» **Exercise directions**
How many lines of the data contain the word "CompositionType"? Give only that number.

++++ Data records

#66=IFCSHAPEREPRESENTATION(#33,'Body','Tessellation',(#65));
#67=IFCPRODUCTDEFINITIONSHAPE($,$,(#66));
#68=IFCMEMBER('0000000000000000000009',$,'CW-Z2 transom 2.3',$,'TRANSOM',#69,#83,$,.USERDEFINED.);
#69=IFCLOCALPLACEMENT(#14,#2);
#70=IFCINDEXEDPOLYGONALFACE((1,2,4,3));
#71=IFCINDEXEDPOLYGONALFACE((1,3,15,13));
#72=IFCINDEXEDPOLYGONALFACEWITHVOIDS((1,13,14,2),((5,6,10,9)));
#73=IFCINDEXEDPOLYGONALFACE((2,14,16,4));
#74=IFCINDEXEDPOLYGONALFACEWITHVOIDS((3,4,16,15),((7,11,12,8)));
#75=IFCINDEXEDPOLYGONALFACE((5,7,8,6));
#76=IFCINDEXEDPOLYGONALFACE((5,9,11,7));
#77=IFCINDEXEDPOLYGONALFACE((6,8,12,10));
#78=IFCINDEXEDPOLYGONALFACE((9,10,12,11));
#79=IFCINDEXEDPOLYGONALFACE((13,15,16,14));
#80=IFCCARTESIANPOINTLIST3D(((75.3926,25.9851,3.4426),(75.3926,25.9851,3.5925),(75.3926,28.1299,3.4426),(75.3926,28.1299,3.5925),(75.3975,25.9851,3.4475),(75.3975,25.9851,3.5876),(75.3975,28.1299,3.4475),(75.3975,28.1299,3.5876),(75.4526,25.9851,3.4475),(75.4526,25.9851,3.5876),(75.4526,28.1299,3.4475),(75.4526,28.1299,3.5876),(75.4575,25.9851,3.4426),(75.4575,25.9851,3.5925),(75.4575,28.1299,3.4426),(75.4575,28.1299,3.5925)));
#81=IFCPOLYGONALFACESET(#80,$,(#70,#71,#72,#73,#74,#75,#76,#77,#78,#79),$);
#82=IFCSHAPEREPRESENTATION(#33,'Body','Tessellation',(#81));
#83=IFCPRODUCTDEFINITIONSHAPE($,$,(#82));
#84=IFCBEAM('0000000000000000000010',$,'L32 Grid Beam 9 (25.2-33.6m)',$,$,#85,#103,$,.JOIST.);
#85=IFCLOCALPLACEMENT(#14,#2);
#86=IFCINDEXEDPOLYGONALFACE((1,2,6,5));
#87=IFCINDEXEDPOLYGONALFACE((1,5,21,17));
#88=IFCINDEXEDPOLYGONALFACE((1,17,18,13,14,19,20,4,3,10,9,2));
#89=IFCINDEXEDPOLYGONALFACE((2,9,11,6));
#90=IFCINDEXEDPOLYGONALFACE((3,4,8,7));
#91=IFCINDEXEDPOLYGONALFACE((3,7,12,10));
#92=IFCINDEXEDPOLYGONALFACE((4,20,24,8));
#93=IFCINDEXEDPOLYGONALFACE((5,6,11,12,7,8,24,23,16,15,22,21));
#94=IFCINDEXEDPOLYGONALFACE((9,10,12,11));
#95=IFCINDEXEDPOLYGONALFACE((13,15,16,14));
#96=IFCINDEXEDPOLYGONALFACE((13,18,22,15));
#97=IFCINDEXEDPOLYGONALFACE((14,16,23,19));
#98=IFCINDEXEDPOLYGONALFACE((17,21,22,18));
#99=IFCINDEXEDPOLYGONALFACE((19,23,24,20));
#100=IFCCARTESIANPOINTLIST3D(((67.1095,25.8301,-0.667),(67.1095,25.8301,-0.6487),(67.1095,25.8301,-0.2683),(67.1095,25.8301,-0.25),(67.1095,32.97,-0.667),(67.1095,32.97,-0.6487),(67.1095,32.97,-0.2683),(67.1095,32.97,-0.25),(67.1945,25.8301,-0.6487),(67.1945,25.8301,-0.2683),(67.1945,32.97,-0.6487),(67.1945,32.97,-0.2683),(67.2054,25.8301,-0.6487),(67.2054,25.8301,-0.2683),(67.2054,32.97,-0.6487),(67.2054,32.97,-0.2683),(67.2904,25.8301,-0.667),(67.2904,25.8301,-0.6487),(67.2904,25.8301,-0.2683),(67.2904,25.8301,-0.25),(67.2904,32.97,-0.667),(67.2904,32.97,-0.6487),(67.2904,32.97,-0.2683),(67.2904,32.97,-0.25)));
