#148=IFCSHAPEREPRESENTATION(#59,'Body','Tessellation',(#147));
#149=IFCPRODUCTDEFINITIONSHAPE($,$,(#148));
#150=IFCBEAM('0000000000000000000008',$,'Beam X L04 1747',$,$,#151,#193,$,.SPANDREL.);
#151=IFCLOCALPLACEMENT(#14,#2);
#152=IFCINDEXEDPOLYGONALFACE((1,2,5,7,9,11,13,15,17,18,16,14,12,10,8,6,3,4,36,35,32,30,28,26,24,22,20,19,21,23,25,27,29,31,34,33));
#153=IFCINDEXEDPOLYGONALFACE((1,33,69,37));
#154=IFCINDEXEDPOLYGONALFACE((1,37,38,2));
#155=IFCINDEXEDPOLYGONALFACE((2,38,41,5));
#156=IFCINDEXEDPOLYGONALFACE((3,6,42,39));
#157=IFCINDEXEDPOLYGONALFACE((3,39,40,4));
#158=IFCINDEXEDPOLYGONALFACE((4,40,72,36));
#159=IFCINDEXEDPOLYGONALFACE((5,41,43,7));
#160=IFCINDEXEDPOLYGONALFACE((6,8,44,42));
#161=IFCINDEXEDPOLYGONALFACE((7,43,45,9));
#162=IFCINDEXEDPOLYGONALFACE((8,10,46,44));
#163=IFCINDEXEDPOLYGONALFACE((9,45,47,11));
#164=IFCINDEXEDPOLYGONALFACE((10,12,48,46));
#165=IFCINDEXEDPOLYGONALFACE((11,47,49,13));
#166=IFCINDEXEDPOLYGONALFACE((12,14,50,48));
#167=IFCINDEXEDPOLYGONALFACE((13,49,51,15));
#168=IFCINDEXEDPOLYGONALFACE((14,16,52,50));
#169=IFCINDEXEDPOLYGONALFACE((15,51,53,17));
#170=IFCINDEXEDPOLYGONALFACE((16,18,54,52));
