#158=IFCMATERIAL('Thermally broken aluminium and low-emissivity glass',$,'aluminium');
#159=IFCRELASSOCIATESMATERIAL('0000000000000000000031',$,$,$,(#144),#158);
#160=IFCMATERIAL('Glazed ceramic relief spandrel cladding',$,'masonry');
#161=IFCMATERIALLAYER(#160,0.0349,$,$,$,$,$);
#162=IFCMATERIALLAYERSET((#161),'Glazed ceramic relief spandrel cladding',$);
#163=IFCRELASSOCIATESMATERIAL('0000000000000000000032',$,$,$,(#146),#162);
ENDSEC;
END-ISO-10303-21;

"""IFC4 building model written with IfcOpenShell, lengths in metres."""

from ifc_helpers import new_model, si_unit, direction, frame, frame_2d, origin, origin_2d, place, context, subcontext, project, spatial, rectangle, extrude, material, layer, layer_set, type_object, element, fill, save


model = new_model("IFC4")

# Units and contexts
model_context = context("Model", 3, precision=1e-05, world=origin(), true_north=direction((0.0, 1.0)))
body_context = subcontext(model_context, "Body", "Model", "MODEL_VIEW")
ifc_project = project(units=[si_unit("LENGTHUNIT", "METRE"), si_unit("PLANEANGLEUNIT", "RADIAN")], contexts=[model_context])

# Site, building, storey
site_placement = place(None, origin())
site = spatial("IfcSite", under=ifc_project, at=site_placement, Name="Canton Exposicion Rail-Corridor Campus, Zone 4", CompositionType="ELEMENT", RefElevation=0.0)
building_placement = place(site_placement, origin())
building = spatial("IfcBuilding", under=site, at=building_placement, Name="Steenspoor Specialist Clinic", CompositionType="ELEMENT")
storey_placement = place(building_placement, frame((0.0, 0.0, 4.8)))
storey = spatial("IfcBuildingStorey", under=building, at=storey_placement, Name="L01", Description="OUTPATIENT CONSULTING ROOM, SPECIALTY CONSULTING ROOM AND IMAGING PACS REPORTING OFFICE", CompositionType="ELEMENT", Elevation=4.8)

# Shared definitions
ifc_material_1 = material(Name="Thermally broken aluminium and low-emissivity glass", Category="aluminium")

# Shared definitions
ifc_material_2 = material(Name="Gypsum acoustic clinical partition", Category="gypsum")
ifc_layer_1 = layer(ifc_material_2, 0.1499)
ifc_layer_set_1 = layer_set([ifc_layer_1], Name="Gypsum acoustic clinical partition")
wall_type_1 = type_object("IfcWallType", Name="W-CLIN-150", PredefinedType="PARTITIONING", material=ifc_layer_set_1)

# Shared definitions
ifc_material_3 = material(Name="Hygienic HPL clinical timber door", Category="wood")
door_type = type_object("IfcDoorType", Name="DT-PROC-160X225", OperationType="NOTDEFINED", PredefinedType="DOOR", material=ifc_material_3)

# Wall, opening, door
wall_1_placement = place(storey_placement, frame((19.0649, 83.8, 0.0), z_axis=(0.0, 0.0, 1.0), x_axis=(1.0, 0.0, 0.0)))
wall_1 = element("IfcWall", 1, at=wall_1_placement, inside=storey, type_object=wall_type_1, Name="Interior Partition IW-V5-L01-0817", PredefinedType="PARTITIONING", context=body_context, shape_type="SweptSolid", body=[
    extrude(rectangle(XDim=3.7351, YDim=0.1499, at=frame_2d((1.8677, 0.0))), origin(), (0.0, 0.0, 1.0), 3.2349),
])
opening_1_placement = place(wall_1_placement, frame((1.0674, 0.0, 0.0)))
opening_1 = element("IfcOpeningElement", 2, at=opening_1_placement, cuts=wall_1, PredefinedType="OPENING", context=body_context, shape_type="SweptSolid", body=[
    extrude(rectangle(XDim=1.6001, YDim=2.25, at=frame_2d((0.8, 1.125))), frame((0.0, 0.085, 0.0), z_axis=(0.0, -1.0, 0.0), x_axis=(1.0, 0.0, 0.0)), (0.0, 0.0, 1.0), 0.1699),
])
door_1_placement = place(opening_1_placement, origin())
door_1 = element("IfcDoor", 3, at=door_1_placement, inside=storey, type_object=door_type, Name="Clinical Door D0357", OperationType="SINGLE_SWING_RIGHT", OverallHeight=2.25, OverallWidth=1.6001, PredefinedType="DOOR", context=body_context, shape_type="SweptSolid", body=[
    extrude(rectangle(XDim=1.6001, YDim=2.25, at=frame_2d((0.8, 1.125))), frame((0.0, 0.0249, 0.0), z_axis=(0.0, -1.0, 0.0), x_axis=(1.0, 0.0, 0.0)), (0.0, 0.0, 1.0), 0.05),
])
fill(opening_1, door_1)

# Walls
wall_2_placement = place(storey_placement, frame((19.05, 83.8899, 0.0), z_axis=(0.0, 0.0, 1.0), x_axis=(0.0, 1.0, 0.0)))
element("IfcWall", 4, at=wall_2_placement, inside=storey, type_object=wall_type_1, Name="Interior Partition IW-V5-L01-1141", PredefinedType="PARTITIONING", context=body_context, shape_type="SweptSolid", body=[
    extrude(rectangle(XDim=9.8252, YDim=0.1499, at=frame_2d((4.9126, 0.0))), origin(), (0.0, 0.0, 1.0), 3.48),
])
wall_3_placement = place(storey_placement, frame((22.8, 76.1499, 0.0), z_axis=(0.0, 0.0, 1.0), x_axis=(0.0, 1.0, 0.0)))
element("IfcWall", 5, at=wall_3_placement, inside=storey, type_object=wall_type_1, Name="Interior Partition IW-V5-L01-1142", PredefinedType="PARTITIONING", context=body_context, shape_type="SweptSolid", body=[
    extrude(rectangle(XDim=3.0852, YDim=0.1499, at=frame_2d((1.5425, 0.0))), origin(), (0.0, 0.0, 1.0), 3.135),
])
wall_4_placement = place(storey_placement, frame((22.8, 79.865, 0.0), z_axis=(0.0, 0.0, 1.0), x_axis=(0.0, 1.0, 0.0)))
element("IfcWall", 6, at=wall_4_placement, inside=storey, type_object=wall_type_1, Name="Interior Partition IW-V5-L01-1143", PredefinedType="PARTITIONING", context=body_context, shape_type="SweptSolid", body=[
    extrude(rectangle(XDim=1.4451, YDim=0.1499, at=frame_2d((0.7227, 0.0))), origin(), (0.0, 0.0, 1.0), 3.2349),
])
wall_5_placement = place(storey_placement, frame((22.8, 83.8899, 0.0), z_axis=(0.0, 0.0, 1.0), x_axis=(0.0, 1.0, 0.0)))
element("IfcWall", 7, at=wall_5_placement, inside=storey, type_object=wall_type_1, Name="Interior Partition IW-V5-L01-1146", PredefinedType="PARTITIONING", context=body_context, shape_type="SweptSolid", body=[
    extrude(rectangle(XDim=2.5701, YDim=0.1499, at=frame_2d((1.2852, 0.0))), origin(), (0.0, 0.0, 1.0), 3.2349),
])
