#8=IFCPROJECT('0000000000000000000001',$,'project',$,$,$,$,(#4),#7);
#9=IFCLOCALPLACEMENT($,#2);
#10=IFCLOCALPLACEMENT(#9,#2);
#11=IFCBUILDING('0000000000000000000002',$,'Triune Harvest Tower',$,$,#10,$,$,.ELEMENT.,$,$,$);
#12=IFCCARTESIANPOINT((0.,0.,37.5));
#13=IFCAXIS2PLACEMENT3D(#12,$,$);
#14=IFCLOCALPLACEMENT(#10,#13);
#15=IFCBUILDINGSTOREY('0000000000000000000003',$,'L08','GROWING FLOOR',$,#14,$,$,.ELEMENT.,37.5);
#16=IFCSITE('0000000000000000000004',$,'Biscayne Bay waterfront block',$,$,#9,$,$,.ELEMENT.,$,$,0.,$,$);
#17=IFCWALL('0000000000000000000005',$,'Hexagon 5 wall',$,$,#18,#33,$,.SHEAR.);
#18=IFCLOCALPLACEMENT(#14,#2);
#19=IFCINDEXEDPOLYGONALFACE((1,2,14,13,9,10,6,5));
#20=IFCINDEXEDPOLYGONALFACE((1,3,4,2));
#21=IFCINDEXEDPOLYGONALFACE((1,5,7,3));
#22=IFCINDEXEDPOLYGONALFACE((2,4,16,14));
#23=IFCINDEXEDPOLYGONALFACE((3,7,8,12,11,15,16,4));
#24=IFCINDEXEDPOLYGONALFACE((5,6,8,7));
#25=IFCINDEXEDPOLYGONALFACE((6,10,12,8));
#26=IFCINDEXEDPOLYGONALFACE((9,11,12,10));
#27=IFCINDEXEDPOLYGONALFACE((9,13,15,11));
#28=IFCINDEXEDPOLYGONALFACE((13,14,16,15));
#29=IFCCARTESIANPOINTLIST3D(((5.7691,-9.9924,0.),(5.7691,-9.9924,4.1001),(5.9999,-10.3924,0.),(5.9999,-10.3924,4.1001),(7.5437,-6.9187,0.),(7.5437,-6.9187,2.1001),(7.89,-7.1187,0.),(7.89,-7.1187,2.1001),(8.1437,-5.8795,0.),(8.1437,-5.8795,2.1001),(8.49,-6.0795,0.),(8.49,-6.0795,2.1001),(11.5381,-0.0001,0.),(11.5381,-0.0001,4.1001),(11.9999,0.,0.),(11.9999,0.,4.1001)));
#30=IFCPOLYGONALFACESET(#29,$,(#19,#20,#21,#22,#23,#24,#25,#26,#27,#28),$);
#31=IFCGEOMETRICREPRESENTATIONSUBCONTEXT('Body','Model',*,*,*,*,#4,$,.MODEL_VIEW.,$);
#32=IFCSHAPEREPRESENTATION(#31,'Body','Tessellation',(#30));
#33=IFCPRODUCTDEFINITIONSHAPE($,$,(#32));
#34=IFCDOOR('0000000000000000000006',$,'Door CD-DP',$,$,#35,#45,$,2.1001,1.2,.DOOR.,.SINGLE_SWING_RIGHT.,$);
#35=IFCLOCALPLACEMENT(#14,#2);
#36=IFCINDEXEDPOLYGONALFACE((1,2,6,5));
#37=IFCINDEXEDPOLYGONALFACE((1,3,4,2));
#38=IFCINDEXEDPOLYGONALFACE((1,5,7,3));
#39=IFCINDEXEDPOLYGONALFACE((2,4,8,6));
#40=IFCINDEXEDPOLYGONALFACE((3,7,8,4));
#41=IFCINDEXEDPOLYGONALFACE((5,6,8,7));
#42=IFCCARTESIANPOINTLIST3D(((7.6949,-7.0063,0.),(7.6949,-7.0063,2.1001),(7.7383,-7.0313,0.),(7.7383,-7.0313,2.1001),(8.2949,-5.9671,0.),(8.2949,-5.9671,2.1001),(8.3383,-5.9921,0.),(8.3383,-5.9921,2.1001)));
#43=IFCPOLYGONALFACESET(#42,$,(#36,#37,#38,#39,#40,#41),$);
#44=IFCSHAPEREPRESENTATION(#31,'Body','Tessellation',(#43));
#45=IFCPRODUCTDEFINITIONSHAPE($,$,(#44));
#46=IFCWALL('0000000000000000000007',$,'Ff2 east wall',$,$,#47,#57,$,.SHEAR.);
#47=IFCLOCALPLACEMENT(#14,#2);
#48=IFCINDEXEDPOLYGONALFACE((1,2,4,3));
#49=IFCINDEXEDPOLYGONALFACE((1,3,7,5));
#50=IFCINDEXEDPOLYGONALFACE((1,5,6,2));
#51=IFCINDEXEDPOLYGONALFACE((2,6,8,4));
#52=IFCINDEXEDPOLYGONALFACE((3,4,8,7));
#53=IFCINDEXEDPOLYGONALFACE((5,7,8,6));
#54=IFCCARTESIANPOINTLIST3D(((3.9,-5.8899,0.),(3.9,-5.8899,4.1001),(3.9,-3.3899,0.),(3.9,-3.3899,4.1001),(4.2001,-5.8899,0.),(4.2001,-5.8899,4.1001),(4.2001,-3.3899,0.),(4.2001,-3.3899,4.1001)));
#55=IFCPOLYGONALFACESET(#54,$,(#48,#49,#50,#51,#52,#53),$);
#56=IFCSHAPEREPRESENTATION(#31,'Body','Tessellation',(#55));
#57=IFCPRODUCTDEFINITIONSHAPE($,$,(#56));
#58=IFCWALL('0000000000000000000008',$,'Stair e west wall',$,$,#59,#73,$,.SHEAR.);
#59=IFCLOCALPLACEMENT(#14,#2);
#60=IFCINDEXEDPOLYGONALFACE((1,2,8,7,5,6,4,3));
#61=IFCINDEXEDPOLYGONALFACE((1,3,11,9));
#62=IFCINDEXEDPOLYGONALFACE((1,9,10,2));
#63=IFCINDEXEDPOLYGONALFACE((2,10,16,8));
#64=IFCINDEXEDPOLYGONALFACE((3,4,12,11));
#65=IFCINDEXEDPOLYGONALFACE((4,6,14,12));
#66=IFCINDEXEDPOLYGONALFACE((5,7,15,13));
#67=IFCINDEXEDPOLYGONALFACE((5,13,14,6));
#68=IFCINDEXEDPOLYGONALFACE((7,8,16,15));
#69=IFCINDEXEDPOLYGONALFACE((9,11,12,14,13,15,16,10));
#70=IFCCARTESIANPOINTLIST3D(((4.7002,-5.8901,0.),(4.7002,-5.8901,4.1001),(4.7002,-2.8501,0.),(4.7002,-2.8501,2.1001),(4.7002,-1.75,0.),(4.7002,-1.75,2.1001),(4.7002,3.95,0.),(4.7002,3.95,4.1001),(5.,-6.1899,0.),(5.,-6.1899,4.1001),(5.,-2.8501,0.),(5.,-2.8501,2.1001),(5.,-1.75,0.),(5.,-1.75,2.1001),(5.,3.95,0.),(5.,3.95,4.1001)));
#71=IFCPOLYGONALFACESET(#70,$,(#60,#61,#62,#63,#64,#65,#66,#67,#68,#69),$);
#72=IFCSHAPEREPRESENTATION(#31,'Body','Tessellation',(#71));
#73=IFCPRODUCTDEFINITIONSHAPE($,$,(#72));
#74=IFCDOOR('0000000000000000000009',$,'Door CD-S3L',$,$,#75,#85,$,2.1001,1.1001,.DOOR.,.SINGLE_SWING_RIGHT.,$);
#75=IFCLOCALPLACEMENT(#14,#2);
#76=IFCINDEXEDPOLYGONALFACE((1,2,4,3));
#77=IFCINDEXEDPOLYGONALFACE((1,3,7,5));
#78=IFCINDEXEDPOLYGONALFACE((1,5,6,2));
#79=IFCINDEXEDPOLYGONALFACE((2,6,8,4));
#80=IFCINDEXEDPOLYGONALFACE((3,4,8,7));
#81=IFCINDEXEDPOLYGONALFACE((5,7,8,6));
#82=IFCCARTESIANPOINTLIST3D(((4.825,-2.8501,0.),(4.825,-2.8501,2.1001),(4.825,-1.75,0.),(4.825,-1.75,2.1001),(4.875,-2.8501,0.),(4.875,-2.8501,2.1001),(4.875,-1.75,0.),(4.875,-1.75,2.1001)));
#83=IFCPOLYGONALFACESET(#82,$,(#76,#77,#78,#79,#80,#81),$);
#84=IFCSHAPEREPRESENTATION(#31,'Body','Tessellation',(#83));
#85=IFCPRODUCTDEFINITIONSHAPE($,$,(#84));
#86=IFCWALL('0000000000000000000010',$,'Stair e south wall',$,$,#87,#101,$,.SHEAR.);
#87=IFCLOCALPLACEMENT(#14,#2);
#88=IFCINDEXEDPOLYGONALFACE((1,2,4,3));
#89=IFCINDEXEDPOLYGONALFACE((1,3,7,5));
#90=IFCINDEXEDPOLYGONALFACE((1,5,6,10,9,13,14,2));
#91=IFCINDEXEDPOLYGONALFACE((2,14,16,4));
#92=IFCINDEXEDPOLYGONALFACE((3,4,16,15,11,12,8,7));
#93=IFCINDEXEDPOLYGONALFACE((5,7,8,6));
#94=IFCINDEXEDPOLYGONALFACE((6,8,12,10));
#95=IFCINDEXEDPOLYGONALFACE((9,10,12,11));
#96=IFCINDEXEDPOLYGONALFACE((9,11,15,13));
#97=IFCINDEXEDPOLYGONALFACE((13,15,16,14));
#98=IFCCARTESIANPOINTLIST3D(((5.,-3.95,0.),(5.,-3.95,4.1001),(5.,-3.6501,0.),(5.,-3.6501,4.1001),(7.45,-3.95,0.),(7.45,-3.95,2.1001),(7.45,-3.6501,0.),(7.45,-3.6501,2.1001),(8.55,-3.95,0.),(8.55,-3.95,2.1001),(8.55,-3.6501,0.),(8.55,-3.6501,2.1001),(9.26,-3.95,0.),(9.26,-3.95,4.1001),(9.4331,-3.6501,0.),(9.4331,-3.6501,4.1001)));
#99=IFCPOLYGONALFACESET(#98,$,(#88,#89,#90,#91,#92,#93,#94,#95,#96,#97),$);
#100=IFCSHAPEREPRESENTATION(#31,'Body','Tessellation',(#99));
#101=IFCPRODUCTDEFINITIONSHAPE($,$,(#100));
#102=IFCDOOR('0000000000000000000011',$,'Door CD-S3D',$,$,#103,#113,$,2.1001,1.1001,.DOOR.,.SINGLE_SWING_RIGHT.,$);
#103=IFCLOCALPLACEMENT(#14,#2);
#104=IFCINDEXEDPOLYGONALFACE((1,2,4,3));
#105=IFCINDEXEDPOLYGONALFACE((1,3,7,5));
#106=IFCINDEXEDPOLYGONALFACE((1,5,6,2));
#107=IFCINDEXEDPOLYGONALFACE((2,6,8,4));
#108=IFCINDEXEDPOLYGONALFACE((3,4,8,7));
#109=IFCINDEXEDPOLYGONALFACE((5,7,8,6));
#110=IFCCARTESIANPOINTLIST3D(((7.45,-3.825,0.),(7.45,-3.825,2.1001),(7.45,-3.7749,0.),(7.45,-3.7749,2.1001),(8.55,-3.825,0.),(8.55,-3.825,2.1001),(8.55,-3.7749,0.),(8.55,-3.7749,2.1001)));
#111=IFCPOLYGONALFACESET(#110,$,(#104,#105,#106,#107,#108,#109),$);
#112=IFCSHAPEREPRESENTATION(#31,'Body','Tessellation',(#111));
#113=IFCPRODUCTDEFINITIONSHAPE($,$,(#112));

++++++++

» **Result**
3